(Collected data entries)
-=-=-

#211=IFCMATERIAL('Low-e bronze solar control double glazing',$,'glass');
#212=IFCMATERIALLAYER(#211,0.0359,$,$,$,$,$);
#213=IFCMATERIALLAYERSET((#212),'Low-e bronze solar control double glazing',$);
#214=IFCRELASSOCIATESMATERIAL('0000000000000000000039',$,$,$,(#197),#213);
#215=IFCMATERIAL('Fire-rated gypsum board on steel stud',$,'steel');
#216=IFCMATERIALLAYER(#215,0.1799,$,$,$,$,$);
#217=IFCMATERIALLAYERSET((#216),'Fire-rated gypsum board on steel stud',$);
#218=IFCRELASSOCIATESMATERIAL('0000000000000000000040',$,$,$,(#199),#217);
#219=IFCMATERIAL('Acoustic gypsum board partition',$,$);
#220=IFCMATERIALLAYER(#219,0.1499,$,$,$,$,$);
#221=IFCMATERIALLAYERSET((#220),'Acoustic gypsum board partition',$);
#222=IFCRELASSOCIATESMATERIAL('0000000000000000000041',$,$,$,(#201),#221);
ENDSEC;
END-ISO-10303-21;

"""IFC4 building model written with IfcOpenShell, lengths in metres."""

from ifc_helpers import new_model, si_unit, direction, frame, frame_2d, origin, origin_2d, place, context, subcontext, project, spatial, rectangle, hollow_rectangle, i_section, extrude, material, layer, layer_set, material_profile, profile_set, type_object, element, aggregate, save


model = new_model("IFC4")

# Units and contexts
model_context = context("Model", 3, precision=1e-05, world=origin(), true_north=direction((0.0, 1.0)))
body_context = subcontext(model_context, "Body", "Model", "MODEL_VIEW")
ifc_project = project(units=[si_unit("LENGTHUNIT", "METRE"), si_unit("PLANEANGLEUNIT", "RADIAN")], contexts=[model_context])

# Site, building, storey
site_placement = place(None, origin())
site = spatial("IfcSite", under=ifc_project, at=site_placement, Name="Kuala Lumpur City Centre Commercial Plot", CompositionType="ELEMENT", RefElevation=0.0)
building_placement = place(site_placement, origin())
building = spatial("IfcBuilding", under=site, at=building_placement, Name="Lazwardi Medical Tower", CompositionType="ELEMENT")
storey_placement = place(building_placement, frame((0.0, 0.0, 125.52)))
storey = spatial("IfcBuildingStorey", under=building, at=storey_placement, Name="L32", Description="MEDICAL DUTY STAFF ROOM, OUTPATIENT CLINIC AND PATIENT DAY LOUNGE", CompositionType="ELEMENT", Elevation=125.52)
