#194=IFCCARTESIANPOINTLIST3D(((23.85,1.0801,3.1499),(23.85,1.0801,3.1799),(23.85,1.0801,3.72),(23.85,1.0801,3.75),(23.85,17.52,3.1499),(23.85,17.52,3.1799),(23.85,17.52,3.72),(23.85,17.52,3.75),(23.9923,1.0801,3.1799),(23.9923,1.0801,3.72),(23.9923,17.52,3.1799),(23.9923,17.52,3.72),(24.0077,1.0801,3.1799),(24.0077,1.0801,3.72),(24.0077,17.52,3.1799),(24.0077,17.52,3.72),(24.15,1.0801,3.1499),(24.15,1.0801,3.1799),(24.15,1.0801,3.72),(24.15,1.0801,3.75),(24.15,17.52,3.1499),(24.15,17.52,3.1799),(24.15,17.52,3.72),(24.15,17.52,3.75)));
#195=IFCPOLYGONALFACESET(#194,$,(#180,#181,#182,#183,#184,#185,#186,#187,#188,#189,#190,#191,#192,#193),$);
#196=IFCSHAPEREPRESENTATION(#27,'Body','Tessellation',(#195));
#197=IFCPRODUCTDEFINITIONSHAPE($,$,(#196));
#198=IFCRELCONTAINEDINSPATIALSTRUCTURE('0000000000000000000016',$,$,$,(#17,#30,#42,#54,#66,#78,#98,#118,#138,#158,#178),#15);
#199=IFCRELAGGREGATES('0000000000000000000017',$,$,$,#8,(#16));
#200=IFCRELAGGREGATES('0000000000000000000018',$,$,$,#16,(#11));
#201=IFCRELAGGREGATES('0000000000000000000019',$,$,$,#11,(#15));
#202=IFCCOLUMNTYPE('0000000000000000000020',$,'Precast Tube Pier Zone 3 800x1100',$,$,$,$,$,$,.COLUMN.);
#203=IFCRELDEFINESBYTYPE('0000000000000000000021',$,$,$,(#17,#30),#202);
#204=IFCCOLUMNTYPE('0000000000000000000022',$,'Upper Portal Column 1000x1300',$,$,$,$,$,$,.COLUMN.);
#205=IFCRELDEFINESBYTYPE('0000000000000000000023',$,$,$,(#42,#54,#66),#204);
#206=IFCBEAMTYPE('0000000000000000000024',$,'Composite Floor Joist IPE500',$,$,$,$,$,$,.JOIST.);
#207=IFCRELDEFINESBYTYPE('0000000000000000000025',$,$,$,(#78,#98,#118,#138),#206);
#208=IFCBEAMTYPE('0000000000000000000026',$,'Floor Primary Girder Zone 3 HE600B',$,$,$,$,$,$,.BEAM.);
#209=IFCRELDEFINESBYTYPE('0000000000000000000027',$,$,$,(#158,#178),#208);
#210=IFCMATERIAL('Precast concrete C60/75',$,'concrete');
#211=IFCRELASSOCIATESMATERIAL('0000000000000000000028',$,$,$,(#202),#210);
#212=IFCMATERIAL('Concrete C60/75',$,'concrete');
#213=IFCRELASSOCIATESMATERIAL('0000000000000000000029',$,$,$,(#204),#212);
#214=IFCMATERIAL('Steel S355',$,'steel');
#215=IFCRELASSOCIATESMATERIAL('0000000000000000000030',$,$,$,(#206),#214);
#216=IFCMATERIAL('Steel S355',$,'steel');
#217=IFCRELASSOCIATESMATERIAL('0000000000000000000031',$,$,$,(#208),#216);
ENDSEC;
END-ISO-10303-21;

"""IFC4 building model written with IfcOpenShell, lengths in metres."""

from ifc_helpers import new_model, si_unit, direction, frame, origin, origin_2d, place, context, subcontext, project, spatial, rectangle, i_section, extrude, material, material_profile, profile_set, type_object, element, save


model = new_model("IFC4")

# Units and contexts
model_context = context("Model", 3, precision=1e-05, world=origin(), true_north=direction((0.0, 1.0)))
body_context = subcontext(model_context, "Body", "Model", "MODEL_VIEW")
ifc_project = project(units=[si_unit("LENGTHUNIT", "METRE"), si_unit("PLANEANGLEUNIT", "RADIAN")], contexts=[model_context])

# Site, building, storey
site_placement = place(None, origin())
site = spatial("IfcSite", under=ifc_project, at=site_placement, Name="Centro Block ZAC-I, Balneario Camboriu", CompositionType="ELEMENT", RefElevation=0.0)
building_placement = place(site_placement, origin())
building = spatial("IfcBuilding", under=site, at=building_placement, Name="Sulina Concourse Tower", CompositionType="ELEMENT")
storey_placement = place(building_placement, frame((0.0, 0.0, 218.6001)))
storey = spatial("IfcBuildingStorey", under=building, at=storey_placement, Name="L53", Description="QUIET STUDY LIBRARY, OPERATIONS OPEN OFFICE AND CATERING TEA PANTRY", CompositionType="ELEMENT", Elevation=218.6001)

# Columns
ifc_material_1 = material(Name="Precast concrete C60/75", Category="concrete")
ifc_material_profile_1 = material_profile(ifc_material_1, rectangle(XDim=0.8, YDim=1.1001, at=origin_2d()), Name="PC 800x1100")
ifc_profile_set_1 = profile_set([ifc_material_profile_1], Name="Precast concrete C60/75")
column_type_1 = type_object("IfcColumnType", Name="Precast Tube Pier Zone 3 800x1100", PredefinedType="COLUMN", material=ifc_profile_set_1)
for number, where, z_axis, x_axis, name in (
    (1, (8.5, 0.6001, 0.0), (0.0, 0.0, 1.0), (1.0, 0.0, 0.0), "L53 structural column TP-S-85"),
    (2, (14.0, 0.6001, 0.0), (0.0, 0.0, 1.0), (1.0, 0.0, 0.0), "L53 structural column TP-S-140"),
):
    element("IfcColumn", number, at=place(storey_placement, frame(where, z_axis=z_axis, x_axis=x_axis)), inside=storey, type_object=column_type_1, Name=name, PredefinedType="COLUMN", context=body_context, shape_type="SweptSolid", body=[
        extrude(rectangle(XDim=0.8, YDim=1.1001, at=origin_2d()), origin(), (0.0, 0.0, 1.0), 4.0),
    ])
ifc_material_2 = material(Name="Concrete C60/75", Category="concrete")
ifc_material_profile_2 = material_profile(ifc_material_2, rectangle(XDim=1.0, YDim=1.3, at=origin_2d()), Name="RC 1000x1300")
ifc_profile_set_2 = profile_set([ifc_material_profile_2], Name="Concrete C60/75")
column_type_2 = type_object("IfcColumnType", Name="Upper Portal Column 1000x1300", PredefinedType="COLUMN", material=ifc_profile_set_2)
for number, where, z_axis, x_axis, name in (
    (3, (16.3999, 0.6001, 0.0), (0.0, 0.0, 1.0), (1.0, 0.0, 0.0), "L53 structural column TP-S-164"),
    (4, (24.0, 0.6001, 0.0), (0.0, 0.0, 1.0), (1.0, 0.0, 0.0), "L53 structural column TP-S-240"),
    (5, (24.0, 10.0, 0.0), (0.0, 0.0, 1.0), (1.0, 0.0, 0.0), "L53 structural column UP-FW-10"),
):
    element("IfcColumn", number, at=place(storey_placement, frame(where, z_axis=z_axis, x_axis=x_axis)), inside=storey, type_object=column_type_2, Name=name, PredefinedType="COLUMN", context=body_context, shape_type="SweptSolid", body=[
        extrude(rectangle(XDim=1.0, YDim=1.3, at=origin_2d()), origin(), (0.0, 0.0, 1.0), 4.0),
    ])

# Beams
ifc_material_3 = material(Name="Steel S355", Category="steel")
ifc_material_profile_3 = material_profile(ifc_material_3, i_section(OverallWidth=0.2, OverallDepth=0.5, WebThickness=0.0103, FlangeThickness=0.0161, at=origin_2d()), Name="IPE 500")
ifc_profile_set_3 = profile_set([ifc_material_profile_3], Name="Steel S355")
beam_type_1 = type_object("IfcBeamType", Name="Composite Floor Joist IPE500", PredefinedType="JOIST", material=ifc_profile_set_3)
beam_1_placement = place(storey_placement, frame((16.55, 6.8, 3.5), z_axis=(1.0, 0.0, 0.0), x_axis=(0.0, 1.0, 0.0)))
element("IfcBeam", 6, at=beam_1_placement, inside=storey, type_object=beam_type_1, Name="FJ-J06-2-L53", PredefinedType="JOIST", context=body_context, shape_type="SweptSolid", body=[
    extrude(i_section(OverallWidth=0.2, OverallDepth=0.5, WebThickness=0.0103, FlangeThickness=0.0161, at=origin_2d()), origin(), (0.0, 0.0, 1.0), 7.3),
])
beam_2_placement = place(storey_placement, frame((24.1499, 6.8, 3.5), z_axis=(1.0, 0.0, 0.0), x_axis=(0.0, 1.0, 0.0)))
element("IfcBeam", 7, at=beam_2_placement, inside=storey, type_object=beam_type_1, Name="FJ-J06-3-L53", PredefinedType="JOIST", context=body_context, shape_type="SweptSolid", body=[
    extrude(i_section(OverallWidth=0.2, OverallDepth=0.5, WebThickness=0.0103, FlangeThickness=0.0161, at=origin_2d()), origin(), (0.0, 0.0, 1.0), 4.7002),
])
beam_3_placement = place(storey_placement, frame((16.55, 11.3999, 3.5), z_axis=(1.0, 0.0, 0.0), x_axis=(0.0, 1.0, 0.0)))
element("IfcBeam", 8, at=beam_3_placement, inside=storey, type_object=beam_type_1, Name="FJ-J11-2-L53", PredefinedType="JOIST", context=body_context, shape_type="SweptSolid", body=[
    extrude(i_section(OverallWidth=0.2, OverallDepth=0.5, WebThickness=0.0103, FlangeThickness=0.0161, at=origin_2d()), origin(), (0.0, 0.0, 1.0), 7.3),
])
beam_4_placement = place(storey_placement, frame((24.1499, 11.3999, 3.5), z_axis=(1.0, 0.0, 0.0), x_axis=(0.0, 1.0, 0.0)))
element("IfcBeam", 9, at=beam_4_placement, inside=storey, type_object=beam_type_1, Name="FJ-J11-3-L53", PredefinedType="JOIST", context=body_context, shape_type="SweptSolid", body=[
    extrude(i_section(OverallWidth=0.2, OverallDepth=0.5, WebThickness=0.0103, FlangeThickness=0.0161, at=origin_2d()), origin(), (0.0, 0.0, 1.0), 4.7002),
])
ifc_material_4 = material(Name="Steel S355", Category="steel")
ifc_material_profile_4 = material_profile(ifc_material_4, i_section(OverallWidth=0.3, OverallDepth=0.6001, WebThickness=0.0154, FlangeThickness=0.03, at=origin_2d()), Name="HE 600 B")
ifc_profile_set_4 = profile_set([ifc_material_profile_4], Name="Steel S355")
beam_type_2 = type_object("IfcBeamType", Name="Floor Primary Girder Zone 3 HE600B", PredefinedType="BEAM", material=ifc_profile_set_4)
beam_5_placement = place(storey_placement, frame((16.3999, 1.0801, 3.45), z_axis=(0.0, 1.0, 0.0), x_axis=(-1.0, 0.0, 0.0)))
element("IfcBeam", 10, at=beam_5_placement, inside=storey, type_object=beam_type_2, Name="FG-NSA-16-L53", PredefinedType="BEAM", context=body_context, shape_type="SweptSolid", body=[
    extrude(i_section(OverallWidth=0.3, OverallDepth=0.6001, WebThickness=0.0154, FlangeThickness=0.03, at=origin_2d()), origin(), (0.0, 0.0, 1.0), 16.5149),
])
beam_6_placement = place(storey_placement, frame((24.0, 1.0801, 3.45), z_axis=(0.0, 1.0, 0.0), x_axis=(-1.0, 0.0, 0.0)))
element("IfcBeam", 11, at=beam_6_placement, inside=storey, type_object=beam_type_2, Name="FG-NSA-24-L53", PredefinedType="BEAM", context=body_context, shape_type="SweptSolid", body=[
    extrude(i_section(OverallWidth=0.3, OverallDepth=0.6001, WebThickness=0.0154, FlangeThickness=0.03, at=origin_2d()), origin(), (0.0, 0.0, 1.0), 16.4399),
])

-=-=-

WORK REQUIRED ->
Using the data above, extract exactly the lines from the one that holds "#216=IFCMATERIALLAYER(#215,0.1799,$,$,$,$,$);" to the one that holds "#220=IFCMATERIALLAYER(#219,0.1499,$,$,$,$,$);", both ends included, and no others.

SOLUTION FOR THIS PROBLEM ->
#216=IFCMATERIALLAYER(#215,0.1799,$,$,$,$,$);
#217=IFCMATERIALLAYERSET((#216),'Fire-rated gypsum board on steel stud',$);
#218=IFCRELASSOCIATESMATERIAL('0000000000000000000040',$,$,$,(#199),#217);
#219=IFCMATERIAL('Acoustic gypsum board partition',$,$);
#220=IFCMATERIALLAYER(#219,0.1499,$,$,$,$,$);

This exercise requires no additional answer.